* _What to produce_: In the records below, find the line with "#86=IFCINDEXEDPOLYGONALFACE((41,42,46,45));" and the line with "#92=IFCINDEXEDPOLYGONALFACE((53,54,58,57));". Print both exactly, along with every line between them, and no other line.

Stored items
───
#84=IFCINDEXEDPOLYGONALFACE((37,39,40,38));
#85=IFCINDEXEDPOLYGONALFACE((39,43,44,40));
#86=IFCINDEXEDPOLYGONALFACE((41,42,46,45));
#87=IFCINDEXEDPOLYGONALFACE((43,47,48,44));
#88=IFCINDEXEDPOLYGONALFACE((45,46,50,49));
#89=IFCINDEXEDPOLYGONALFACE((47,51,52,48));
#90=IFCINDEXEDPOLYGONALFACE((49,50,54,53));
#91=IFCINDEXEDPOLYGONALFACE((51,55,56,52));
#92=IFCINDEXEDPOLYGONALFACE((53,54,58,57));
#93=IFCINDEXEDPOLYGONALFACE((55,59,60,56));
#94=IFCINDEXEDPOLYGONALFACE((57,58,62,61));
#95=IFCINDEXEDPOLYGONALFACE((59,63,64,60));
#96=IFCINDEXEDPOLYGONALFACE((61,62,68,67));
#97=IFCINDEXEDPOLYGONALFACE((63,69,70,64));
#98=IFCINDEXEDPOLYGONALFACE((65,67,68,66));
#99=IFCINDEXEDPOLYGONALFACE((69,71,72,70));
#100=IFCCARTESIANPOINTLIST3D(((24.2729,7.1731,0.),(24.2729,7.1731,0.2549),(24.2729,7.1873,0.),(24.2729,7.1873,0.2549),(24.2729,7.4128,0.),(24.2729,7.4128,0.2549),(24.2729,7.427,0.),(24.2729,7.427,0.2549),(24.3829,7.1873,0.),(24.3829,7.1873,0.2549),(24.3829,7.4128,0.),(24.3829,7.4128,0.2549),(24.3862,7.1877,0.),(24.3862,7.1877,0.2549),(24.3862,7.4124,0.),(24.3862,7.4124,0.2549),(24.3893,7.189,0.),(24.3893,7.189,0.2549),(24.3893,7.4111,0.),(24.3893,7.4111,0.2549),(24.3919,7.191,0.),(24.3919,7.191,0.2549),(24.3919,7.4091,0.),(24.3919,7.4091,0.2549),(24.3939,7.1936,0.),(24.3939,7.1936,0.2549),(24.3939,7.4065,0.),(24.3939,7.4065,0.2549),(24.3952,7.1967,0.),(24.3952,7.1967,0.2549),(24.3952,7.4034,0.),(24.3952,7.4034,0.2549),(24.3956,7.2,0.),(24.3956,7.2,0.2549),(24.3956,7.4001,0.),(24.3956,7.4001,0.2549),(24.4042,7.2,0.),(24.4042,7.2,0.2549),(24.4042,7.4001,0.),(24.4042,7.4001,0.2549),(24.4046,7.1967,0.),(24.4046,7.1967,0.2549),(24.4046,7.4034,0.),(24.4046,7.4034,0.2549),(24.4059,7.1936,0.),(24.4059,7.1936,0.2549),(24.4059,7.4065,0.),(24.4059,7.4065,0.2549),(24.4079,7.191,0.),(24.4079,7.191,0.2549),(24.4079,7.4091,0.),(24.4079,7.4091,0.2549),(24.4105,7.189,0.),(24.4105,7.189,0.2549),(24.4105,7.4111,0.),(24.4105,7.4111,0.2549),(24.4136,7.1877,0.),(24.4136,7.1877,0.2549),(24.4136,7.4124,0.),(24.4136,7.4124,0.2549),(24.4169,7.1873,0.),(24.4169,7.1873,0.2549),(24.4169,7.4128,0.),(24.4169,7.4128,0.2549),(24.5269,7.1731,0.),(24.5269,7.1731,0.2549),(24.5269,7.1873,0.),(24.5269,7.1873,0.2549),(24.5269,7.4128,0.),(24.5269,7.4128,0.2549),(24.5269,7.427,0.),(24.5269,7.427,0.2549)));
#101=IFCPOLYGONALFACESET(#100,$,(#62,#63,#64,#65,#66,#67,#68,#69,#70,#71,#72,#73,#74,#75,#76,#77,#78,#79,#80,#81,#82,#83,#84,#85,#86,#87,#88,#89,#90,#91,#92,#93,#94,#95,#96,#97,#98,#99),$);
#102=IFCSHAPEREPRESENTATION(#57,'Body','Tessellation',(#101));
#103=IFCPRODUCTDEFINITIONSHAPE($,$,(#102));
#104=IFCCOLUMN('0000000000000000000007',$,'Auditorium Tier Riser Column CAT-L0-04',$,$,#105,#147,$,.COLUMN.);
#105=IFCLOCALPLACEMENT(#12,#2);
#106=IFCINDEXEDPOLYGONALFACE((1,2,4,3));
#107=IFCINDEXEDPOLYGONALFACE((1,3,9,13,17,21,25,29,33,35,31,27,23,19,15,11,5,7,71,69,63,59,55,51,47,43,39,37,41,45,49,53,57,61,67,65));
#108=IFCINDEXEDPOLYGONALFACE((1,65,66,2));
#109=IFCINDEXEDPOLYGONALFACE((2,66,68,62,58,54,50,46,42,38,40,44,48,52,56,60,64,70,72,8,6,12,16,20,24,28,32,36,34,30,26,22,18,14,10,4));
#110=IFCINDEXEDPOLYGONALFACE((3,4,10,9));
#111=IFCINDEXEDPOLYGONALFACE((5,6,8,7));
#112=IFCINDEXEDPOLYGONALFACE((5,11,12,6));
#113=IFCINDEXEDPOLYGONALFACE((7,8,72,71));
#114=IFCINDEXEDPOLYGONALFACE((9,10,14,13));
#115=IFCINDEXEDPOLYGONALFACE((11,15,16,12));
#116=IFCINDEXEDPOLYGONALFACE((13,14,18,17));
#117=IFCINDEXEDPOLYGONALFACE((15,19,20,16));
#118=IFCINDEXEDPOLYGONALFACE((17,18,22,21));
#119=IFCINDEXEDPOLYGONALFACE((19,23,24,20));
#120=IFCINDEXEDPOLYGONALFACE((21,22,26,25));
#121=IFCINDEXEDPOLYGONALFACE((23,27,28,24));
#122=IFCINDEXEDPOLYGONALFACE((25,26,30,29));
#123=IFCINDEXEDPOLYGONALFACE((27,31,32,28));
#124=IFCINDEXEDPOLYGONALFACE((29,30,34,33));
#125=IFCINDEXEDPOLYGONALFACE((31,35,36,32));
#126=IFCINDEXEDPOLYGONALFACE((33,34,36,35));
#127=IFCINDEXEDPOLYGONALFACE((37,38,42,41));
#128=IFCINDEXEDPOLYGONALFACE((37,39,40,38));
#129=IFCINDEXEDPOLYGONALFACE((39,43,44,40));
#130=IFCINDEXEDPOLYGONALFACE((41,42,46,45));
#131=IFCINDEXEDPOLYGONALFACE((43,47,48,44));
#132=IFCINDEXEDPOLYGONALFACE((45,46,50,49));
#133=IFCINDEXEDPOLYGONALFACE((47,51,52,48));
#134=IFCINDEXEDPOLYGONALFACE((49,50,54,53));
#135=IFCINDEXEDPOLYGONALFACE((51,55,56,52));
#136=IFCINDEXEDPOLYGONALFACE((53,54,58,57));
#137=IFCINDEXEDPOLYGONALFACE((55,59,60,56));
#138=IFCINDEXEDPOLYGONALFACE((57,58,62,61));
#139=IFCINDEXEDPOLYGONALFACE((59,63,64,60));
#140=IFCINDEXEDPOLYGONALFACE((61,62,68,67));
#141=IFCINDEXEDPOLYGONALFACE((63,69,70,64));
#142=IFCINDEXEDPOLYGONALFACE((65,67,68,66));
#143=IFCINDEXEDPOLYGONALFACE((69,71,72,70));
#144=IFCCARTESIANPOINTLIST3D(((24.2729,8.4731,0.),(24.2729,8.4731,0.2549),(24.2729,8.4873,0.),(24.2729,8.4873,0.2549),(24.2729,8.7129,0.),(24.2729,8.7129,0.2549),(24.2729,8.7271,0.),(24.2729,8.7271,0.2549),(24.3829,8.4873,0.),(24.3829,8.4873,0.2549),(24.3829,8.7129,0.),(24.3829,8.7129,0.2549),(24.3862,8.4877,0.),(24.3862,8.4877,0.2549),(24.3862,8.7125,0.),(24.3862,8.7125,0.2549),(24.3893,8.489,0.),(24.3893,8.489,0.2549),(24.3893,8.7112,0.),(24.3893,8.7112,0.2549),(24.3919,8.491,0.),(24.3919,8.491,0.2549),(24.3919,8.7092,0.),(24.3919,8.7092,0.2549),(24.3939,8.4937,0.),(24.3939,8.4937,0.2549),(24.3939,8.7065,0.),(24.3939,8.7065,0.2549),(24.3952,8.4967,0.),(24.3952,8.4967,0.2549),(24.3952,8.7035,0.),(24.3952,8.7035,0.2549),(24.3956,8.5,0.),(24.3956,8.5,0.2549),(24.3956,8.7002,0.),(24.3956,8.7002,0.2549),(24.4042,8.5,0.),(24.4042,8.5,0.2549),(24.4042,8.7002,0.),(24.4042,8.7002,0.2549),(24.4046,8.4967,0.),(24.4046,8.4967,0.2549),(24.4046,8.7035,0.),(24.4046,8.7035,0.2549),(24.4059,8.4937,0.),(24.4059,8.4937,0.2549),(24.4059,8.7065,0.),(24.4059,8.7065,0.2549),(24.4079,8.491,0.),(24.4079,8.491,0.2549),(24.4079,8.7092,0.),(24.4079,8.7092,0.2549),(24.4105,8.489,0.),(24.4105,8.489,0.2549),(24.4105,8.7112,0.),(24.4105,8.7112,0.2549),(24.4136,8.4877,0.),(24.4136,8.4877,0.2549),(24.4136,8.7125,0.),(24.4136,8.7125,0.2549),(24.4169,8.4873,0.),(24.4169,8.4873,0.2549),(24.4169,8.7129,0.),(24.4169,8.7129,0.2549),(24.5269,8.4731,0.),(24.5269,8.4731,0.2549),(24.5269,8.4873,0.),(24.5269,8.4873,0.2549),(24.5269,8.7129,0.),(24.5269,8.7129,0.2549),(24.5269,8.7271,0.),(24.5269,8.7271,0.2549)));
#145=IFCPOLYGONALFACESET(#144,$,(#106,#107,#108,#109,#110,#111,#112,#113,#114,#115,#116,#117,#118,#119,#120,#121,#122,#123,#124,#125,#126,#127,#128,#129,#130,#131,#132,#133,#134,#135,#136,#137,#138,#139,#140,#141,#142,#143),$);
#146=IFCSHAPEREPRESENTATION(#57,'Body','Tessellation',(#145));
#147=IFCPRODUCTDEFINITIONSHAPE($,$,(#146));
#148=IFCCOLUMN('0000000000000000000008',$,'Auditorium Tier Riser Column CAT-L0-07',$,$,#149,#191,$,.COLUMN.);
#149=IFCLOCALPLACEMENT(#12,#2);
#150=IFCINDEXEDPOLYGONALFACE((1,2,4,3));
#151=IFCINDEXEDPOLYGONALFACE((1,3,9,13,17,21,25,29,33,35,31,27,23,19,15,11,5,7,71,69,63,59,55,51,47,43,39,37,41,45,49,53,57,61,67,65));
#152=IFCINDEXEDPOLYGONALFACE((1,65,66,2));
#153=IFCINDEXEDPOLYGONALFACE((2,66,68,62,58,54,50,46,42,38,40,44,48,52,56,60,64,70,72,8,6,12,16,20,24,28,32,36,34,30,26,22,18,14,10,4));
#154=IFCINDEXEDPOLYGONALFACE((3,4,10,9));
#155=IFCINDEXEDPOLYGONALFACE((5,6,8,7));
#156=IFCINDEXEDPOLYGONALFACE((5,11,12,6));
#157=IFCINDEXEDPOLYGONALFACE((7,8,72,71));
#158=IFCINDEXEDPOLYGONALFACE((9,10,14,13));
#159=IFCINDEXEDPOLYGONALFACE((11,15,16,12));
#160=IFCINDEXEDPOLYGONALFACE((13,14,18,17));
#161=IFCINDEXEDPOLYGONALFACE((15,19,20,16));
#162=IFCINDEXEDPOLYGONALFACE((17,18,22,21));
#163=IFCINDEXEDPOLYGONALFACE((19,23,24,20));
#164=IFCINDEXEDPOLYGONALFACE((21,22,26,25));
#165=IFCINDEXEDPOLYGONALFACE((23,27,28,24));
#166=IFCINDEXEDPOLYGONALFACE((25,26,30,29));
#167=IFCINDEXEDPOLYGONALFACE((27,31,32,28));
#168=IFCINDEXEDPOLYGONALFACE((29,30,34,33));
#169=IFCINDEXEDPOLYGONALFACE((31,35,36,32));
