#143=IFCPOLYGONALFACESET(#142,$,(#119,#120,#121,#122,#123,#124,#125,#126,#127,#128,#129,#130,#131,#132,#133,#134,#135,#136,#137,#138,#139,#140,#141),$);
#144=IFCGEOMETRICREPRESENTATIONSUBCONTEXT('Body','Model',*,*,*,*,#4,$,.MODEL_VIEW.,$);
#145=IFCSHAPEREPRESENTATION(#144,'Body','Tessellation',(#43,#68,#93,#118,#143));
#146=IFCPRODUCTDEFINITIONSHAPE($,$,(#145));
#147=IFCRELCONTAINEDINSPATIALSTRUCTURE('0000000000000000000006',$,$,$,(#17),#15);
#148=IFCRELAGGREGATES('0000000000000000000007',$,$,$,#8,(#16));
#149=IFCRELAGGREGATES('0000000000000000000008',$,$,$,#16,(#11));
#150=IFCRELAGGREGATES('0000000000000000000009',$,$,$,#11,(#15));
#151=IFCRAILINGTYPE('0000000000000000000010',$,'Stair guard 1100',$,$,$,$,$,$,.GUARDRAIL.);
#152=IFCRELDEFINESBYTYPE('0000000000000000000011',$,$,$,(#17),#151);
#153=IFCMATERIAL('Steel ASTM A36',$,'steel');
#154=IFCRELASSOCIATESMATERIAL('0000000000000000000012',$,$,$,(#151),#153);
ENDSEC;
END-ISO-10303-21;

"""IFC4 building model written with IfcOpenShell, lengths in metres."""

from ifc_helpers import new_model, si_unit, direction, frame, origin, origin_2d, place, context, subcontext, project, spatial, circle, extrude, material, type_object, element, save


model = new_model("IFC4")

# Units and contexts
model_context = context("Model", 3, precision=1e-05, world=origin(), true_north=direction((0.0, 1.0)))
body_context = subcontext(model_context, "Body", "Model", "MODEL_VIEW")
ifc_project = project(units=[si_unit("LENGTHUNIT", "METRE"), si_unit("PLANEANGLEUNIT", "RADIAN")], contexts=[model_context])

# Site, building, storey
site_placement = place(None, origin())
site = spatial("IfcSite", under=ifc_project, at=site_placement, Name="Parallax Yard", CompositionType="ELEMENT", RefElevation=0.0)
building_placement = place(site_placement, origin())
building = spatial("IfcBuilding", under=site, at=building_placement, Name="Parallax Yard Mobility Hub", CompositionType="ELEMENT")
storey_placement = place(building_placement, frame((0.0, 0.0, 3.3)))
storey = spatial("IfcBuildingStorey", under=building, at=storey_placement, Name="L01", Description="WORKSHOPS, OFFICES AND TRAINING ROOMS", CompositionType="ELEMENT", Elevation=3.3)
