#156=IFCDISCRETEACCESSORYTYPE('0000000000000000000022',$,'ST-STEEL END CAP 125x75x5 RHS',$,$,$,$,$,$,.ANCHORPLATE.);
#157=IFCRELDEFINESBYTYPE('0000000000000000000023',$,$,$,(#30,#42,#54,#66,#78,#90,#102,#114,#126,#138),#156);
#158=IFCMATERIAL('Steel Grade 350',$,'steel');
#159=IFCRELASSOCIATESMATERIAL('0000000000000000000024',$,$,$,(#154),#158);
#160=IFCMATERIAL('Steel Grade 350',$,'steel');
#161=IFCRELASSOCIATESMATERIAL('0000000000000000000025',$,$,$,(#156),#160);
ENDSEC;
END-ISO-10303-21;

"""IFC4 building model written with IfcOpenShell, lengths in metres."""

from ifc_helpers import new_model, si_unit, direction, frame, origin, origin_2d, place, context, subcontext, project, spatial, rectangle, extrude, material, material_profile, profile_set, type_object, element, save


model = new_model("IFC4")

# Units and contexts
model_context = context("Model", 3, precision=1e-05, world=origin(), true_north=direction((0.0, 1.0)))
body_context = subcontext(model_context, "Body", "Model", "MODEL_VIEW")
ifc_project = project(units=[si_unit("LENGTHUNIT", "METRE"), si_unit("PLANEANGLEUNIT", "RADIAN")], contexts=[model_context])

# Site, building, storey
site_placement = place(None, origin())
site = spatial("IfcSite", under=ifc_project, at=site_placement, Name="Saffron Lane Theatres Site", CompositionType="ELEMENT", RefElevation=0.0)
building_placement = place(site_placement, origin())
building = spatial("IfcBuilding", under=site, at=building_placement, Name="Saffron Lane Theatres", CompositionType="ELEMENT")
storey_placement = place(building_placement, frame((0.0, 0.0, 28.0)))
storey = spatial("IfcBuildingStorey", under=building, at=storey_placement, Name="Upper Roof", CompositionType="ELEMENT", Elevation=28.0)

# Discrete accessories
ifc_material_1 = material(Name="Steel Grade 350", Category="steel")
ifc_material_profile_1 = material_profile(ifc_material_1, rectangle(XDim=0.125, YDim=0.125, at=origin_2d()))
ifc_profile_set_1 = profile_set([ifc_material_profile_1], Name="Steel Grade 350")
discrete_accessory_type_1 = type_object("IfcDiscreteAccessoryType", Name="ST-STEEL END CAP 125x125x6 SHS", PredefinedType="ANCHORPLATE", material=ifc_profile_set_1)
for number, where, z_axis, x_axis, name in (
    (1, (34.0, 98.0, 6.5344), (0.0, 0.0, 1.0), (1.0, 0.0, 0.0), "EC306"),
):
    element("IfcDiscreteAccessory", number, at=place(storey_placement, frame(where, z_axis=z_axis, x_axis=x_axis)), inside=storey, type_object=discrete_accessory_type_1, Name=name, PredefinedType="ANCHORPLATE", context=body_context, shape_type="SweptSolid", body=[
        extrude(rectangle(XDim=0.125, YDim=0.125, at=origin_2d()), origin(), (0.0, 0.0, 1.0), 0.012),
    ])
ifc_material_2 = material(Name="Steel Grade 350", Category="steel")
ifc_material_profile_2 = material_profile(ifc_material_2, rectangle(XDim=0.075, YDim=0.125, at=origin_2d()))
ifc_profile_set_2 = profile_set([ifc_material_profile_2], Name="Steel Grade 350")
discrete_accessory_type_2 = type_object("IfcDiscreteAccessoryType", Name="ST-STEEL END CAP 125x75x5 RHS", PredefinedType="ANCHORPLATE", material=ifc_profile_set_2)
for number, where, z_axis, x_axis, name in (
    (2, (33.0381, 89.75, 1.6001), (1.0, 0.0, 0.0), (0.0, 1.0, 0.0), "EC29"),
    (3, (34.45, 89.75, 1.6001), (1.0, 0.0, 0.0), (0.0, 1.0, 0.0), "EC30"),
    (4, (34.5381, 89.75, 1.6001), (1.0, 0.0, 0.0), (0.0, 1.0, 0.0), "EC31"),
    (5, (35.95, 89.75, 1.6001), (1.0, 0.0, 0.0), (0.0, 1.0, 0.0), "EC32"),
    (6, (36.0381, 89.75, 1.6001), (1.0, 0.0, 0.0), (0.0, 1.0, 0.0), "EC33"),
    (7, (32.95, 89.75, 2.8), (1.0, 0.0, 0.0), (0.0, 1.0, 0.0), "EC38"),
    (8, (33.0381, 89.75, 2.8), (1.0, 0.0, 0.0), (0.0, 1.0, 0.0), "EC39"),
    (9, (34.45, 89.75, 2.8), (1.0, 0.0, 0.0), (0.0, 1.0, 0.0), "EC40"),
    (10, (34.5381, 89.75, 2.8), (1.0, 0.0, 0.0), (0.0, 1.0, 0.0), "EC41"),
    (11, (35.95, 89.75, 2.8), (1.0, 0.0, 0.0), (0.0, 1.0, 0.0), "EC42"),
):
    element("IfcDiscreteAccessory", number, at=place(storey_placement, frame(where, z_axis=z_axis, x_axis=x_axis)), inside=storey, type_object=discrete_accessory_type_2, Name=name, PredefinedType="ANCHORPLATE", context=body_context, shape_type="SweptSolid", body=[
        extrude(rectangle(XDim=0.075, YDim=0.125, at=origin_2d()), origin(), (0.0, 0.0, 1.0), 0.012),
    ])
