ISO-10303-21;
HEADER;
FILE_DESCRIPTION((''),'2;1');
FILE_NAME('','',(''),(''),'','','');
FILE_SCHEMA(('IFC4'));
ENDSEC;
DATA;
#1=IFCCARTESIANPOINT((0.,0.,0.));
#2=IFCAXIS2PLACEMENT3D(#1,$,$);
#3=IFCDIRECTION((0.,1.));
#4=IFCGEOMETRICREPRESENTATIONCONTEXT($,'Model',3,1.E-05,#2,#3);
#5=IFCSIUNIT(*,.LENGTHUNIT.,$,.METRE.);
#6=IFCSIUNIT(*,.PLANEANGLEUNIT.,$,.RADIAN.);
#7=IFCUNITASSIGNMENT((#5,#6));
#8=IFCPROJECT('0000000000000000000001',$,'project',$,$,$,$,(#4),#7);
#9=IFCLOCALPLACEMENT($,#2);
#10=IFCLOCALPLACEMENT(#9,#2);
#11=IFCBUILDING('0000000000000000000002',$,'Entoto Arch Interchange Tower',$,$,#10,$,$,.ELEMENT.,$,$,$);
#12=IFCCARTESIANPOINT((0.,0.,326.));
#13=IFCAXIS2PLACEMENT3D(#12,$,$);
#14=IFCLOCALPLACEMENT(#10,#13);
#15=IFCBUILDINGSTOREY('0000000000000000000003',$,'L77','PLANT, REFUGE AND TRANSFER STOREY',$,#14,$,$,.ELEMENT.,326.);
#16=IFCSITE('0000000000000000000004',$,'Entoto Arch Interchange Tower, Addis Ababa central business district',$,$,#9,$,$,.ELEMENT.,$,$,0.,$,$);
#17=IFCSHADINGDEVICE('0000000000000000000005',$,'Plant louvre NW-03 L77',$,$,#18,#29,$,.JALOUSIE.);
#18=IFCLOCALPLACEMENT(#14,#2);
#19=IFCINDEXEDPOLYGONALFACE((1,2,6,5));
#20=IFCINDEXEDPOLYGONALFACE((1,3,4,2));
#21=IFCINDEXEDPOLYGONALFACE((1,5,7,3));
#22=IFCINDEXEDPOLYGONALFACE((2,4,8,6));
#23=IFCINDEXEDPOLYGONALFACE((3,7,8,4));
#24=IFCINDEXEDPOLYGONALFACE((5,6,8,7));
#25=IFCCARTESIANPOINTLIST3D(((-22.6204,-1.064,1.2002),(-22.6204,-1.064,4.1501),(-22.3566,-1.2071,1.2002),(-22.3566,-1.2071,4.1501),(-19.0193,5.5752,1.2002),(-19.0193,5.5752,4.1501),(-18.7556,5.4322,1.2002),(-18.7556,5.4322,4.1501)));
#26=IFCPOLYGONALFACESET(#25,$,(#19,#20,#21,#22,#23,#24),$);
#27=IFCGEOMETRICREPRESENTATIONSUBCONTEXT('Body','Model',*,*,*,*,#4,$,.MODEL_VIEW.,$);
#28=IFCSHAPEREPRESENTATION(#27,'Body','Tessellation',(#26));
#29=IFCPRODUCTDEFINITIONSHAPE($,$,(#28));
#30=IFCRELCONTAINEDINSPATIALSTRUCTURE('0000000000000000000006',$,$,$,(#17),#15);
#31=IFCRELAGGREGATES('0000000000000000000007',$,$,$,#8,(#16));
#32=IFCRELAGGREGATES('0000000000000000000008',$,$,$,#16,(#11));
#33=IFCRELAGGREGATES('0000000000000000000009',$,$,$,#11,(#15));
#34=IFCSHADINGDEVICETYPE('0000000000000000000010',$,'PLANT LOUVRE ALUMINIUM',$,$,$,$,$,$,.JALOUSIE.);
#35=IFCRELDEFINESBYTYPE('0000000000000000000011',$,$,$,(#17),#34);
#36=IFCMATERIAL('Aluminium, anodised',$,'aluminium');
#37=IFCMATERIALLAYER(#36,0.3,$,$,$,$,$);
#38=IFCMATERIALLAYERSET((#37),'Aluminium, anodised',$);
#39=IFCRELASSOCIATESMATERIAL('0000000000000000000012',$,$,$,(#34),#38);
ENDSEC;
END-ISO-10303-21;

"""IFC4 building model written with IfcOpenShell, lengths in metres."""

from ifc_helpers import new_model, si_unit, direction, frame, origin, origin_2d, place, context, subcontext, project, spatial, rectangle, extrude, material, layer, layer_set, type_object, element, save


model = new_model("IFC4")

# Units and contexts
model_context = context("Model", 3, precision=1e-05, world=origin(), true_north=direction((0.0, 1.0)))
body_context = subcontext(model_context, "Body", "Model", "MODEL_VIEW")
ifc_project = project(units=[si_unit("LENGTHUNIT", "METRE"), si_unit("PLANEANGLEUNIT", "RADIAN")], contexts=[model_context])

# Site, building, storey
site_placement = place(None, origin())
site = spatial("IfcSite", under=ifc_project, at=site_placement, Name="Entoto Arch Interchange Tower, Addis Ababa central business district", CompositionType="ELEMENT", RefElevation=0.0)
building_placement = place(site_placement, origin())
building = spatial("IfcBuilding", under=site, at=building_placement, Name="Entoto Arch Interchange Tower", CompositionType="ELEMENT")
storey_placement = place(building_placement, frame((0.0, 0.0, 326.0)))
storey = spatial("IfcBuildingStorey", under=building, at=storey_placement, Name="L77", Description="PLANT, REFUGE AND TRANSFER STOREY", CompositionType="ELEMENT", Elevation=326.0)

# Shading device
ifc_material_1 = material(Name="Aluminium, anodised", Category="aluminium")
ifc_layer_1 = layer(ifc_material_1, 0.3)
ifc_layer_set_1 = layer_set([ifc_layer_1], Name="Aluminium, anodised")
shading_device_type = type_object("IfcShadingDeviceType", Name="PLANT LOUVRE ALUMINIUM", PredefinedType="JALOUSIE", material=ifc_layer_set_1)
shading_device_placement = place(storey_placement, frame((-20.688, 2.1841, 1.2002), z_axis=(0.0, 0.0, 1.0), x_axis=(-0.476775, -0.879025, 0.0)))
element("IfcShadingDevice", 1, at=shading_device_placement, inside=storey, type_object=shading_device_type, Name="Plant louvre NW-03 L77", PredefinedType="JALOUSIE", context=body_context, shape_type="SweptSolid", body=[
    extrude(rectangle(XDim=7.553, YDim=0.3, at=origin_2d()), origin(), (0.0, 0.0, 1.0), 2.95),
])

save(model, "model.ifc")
───
* _Output for this task_:
#86=IFCINDEXEDPOLYGONALFACE((41,42,46,45));
#87=IFCINDEXEDPOLYGONALFACE((43,47,48,44));
#88=IFCINDEXEDPOLYGONALFACE((45,46,50,49));
#89=IFCINDEXEDPOLYGONALFACE((47,51,52,48));
#90=IFCINDEXEDPOLYGONALFACE((49,50,54,53));
#91=IFCINDEXEDPOLYGONALFACE((51,55,56,52));
#92=IFCINDEXEDPOLYGONALFACE((53,54,58,57));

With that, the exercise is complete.